All lines holding the string "WebThickness" should be copied from the data below.

╭─ The data

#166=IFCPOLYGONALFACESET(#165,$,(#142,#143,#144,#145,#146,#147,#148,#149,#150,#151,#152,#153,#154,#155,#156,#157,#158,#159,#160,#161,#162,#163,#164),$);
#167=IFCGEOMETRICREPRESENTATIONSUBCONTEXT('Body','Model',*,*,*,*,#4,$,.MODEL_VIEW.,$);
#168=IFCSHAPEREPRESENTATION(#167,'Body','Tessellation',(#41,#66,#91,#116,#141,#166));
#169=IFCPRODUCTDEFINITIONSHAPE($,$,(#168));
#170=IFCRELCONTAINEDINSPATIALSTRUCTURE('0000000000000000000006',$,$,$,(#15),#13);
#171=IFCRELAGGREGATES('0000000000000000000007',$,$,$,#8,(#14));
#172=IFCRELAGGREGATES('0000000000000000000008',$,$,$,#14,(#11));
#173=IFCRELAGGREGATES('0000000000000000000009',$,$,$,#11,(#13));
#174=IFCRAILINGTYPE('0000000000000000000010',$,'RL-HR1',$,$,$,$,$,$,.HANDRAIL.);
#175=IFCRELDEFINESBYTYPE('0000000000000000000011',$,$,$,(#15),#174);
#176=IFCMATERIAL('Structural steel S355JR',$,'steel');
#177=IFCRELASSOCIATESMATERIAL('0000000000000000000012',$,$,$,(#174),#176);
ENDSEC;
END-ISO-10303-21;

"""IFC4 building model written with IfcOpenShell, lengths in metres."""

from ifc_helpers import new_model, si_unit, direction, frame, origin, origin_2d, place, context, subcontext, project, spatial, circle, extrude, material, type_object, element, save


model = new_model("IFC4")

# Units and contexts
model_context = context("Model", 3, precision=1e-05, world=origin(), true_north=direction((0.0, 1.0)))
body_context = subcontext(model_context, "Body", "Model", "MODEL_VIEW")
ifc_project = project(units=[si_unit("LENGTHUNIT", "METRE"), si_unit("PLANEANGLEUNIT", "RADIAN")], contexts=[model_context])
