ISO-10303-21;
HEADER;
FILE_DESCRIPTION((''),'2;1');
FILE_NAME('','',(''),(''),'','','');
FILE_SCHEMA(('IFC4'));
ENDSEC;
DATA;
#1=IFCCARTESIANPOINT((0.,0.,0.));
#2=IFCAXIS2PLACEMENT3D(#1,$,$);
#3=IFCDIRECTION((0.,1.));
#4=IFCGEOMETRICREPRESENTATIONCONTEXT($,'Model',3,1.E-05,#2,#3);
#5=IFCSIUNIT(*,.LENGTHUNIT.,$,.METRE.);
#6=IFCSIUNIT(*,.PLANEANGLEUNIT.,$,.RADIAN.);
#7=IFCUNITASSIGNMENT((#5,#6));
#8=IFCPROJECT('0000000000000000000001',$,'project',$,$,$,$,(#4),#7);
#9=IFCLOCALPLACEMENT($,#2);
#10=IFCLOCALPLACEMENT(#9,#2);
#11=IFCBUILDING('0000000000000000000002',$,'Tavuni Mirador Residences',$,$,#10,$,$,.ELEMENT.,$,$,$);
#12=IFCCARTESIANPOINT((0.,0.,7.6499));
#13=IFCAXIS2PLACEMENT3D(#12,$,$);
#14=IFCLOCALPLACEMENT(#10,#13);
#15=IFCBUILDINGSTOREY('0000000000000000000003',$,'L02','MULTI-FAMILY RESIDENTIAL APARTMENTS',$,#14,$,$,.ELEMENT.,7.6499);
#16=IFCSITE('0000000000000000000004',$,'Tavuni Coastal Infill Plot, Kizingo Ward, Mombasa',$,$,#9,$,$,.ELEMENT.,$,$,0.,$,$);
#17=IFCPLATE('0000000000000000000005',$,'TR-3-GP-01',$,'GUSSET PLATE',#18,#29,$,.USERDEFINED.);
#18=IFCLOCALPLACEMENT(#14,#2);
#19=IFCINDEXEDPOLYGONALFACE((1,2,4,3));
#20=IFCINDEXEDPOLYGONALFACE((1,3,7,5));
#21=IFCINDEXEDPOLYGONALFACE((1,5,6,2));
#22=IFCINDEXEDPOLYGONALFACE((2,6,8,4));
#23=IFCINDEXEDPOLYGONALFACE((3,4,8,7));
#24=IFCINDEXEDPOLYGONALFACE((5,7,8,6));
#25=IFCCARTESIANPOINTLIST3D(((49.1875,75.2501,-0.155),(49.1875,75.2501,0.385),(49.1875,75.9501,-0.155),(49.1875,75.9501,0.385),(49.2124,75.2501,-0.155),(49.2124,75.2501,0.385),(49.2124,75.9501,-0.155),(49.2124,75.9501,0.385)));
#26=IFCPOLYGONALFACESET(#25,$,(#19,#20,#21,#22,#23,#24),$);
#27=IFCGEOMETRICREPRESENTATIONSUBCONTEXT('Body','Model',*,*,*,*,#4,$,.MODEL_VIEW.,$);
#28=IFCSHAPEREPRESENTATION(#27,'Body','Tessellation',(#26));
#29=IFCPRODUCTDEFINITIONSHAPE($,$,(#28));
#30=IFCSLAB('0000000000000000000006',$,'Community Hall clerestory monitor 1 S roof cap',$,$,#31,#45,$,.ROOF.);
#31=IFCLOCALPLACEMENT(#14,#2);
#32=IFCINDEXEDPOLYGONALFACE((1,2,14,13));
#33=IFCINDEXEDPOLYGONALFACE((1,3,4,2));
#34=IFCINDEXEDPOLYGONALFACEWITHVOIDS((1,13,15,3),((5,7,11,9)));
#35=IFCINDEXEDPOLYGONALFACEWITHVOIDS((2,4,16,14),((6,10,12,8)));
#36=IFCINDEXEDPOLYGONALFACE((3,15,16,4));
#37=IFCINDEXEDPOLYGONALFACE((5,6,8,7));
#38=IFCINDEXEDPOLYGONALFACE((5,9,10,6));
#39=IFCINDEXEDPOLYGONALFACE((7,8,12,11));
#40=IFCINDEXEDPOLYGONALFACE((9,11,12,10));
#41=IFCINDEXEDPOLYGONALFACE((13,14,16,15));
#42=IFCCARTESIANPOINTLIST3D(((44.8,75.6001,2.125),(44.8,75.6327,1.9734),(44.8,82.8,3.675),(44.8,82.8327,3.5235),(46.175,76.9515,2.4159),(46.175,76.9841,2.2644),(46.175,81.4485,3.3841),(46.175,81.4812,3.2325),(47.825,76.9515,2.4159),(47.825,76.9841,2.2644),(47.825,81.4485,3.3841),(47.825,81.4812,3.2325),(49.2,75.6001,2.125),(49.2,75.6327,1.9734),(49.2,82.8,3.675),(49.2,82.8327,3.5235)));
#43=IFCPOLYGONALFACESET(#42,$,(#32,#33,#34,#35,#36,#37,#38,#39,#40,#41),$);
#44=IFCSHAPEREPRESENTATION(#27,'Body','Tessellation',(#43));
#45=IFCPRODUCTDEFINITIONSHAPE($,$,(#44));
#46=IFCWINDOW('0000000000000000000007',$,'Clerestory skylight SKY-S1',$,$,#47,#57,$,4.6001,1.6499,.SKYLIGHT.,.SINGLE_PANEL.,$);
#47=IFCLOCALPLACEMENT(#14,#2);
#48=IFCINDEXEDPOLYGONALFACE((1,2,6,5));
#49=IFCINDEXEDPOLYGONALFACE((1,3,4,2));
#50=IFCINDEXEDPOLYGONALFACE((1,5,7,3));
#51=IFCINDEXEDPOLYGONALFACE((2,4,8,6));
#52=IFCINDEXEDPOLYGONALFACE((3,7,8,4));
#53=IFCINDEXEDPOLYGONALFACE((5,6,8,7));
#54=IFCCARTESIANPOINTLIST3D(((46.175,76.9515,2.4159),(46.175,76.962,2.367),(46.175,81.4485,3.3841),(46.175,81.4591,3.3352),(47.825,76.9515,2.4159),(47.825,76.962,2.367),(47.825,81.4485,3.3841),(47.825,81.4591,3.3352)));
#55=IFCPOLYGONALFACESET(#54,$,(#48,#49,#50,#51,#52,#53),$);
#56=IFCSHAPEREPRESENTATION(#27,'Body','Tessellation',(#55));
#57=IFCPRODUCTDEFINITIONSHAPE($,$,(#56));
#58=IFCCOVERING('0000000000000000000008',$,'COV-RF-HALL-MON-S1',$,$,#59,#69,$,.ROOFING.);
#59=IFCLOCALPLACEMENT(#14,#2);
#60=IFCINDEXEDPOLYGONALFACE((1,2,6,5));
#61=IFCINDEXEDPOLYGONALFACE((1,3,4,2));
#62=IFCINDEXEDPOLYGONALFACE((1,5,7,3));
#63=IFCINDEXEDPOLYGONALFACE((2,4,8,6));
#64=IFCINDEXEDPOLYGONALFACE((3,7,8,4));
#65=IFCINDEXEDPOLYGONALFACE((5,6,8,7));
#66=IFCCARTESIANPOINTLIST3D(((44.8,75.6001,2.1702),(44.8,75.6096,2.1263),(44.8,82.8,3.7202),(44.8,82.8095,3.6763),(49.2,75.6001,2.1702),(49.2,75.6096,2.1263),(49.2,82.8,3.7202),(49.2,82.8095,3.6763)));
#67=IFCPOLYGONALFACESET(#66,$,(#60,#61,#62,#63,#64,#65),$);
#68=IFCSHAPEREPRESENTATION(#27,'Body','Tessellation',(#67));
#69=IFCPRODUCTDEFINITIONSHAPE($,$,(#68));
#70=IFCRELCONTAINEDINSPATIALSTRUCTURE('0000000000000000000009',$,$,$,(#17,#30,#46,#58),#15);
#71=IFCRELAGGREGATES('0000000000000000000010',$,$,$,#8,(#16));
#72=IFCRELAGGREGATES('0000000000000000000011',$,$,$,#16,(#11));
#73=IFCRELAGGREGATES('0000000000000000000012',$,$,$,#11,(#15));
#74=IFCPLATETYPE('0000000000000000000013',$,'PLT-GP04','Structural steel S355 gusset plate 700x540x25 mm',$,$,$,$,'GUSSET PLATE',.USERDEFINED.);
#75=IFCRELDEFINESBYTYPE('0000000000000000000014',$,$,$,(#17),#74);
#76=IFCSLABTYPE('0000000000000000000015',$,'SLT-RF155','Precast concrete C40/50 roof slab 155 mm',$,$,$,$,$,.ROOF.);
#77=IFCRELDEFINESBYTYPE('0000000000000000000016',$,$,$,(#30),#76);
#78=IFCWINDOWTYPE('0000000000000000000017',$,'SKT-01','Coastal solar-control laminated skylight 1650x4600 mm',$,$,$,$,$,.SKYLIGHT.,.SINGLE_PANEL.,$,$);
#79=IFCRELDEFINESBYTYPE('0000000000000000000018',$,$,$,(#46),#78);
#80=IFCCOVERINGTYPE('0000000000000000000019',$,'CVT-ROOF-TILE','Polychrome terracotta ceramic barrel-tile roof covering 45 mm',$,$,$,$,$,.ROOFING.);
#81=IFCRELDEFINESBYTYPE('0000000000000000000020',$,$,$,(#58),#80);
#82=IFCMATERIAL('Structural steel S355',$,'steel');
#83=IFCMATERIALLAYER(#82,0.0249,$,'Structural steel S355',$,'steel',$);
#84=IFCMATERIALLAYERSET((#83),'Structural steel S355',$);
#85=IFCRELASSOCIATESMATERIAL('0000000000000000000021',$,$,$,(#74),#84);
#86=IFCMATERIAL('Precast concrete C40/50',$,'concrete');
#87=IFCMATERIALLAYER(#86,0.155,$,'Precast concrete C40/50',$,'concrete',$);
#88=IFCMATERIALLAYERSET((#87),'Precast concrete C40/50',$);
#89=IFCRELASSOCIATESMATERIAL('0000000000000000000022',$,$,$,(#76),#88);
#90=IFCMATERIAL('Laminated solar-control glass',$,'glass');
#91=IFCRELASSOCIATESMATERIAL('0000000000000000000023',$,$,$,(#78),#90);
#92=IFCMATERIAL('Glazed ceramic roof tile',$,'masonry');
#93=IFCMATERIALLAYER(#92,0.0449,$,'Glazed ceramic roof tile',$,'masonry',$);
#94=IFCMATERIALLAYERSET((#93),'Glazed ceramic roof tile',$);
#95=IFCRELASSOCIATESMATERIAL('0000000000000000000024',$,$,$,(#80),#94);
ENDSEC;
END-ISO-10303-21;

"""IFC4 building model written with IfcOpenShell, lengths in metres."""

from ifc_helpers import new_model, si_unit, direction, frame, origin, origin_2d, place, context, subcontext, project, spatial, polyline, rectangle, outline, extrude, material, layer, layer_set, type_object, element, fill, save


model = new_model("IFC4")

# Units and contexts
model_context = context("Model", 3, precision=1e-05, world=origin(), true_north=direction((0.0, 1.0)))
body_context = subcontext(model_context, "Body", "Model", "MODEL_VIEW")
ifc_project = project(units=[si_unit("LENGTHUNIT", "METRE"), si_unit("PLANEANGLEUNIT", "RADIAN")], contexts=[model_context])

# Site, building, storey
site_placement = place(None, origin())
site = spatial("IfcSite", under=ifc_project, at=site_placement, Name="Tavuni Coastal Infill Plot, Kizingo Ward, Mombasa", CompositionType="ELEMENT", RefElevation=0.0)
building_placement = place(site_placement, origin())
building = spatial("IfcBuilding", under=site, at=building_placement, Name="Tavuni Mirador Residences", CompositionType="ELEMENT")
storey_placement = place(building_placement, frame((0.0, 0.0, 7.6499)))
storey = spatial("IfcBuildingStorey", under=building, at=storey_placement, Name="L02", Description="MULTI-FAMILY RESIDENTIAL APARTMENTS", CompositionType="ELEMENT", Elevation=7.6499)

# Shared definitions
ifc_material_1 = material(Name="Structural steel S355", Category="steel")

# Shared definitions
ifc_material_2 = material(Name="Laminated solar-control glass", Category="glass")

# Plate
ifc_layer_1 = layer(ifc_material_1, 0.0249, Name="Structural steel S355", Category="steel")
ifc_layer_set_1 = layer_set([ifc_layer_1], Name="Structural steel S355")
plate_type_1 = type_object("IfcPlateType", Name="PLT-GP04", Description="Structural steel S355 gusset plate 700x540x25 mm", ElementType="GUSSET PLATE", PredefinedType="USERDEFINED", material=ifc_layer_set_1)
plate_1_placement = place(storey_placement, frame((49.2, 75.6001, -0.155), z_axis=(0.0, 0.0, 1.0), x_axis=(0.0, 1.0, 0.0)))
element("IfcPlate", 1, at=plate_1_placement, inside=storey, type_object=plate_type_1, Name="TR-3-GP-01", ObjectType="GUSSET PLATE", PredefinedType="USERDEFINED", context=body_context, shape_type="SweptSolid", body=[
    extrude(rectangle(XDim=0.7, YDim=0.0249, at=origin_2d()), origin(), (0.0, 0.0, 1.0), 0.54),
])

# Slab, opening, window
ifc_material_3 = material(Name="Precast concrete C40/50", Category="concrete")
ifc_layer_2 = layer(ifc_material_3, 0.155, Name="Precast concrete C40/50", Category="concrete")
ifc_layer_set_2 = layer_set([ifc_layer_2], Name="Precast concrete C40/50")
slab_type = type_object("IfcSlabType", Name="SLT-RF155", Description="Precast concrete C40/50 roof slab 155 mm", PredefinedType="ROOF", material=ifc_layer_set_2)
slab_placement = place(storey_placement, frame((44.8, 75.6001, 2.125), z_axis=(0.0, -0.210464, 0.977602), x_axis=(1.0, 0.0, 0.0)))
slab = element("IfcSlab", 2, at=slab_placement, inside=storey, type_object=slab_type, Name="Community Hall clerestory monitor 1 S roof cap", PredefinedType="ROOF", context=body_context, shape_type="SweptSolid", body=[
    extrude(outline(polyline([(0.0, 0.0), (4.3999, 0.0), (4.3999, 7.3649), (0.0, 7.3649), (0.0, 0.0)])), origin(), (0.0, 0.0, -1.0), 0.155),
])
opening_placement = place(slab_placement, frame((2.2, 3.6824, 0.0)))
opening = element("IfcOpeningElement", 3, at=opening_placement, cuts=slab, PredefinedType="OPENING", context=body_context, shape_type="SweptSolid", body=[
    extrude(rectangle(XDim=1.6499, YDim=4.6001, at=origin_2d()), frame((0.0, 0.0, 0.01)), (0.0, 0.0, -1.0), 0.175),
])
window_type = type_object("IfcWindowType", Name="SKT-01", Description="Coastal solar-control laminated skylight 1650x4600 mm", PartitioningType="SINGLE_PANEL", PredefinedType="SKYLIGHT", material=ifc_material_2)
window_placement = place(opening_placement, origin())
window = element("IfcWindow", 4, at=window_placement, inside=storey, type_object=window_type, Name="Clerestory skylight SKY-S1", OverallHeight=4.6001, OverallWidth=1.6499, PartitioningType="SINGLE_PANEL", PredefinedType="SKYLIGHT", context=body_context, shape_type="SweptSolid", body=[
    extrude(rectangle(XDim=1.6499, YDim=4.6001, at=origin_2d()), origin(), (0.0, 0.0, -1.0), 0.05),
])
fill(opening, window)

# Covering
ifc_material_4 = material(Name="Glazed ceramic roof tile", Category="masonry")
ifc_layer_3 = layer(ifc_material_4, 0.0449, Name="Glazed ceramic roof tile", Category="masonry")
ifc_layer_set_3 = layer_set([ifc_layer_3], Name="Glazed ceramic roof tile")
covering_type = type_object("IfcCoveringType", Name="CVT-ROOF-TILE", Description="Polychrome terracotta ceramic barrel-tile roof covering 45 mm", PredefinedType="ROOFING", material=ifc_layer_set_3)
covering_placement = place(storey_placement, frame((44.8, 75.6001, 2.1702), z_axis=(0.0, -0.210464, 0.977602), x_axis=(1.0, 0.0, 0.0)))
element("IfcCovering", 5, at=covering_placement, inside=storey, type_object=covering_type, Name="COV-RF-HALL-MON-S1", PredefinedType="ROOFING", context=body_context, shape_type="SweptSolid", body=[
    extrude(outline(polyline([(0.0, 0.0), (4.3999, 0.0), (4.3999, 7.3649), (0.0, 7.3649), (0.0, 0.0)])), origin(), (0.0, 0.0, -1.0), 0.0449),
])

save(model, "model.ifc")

╰─
╭─ The data

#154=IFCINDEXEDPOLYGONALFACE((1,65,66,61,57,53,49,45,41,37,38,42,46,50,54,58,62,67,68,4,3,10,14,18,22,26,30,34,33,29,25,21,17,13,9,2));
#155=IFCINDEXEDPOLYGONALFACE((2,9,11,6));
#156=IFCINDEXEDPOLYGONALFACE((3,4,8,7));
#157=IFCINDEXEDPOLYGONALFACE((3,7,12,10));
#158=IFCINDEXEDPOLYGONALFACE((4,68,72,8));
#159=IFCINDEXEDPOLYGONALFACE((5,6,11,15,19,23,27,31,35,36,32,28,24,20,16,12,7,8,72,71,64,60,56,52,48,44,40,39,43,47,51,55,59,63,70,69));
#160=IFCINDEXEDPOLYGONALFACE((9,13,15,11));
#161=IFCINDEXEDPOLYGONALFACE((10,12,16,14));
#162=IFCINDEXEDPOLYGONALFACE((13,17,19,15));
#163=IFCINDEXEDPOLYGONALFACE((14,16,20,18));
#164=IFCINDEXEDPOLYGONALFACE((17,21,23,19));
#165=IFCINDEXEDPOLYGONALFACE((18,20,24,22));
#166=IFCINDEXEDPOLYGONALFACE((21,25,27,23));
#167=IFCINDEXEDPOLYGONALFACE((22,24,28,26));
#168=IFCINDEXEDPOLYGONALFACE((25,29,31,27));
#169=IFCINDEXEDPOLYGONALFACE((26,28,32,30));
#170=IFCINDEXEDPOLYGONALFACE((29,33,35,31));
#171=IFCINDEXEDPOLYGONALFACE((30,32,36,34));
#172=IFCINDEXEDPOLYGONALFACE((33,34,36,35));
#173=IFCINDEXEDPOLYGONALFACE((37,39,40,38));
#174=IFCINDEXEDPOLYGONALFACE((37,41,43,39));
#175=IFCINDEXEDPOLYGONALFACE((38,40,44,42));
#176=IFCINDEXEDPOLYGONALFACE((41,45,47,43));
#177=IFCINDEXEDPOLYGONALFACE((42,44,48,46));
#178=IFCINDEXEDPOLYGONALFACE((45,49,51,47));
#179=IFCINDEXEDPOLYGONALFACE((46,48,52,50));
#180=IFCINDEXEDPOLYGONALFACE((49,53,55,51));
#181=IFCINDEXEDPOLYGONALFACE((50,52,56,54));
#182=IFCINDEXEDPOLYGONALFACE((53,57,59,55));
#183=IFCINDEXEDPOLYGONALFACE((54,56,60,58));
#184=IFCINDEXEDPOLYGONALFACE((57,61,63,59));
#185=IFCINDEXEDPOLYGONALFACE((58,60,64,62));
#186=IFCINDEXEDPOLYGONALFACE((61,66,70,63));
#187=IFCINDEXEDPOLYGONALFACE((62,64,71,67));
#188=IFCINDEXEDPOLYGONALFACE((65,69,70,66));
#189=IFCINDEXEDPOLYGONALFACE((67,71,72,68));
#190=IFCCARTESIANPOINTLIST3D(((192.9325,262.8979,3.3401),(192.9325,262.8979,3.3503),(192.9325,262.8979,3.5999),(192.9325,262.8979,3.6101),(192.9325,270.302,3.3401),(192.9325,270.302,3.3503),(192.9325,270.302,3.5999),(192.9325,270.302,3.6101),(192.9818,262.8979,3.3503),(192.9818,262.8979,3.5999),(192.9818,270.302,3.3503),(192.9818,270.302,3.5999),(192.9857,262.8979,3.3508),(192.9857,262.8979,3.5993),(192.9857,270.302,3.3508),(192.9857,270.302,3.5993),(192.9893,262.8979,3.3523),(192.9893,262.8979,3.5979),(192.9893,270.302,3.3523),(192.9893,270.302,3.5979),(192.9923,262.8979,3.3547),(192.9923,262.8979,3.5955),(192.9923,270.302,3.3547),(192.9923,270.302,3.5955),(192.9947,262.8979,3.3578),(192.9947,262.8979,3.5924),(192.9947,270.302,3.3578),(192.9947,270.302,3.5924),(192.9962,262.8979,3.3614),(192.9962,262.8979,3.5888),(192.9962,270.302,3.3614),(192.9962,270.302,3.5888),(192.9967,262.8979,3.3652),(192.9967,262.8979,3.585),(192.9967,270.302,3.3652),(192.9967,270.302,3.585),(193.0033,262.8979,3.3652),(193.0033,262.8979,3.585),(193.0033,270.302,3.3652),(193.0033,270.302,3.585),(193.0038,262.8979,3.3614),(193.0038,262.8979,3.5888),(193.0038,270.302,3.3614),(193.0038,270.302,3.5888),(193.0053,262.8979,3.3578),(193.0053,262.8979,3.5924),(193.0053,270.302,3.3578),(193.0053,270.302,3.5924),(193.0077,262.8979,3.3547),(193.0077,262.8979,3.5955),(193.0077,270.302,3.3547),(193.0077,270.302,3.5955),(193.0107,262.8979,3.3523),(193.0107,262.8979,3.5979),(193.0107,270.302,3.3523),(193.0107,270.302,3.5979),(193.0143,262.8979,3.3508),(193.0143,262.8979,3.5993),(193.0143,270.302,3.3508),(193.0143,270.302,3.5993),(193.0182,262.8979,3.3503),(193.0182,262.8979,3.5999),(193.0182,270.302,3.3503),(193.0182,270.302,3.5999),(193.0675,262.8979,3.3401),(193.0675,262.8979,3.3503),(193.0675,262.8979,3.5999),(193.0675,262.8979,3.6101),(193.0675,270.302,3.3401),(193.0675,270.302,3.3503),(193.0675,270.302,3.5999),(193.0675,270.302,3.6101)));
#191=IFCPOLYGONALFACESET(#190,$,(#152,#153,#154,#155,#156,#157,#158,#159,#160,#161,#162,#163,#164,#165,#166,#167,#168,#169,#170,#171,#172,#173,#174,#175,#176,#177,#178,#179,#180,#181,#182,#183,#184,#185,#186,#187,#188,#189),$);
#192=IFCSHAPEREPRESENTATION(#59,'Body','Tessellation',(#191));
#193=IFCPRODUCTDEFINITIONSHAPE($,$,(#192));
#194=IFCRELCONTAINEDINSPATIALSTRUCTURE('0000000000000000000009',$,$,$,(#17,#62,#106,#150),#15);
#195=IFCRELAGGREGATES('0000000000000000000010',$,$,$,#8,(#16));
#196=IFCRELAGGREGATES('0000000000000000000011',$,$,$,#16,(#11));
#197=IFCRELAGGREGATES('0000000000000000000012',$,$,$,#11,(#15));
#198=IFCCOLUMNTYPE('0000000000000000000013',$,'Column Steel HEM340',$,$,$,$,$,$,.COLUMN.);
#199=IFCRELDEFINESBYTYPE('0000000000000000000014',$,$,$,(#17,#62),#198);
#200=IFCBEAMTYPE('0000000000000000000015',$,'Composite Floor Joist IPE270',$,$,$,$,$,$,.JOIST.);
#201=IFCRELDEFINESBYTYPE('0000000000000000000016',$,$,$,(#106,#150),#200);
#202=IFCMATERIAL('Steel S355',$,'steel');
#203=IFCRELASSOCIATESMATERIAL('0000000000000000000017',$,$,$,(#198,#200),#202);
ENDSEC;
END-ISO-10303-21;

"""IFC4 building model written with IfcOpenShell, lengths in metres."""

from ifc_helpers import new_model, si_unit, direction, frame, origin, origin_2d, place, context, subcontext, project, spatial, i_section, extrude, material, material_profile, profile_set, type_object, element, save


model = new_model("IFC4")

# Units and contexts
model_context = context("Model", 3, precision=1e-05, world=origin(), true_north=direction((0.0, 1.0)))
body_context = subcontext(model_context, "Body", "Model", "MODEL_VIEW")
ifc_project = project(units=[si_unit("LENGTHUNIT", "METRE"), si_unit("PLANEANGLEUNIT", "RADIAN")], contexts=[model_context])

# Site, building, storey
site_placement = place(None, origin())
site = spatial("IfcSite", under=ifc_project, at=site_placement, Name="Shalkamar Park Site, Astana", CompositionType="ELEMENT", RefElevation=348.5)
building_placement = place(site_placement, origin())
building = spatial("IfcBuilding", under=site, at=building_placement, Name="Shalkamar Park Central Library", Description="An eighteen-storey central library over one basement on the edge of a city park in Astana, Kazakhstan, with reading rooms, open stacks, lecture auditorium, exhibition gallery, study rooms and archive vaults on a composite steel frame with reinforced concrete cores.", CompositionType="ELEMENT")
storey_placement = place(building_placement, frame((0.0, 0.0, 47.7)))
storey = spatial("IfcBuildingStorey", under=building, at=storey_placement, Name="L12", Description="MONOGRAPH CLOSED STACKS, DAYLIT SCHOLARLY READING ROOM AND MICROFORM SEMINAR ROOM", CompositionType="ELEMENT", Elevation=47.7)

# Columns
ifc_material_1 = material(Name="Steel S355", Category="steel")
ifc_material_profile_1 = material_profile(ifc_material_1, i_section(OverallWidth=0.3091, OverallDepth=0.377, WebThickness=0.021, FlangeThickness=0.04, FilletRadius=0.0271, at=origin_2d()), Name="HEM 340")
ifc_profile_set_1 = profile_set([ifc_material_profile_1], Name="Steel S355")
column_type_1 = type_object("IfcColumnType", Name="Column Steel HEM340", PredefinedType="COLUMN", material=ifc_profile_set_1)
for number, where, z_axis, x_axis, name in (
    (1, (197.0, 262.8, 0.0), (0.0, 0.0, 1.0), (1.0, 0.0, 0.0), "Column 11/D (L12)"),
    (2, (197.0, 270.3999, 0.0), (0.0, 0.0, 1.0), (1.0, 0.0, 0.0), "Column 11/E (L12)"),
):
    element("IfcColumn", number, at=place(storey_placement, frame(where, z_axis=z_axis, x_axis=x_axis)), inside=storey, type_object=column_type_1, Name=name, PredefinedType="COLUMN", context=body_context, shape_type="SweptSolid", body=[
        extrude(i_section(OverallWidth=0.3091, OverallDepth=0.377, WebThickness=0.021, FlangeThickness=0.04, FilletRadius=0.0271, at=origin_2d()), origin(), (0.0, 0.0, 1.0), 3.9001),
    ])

╰─

**Output**
ifc_material_profile_1 = material_profile(ifc_material_1, i_section(OverallWidth=0.3091, OverallDepth=0.377, WebThickness=0.021, FlangeThickness=0.04, FilletRadius=0.0271, at=origin_2d()), Name="HEM 340")
        extrude(i_section(OverallWidth=0.3091, OverallDepth=0.377, WebThickness=0.021, FlangeThickness=0.04, FilletRadius=0.0271, at=origin_2d()), origin(), (0.0, 0.0, 1.0), 3.9001),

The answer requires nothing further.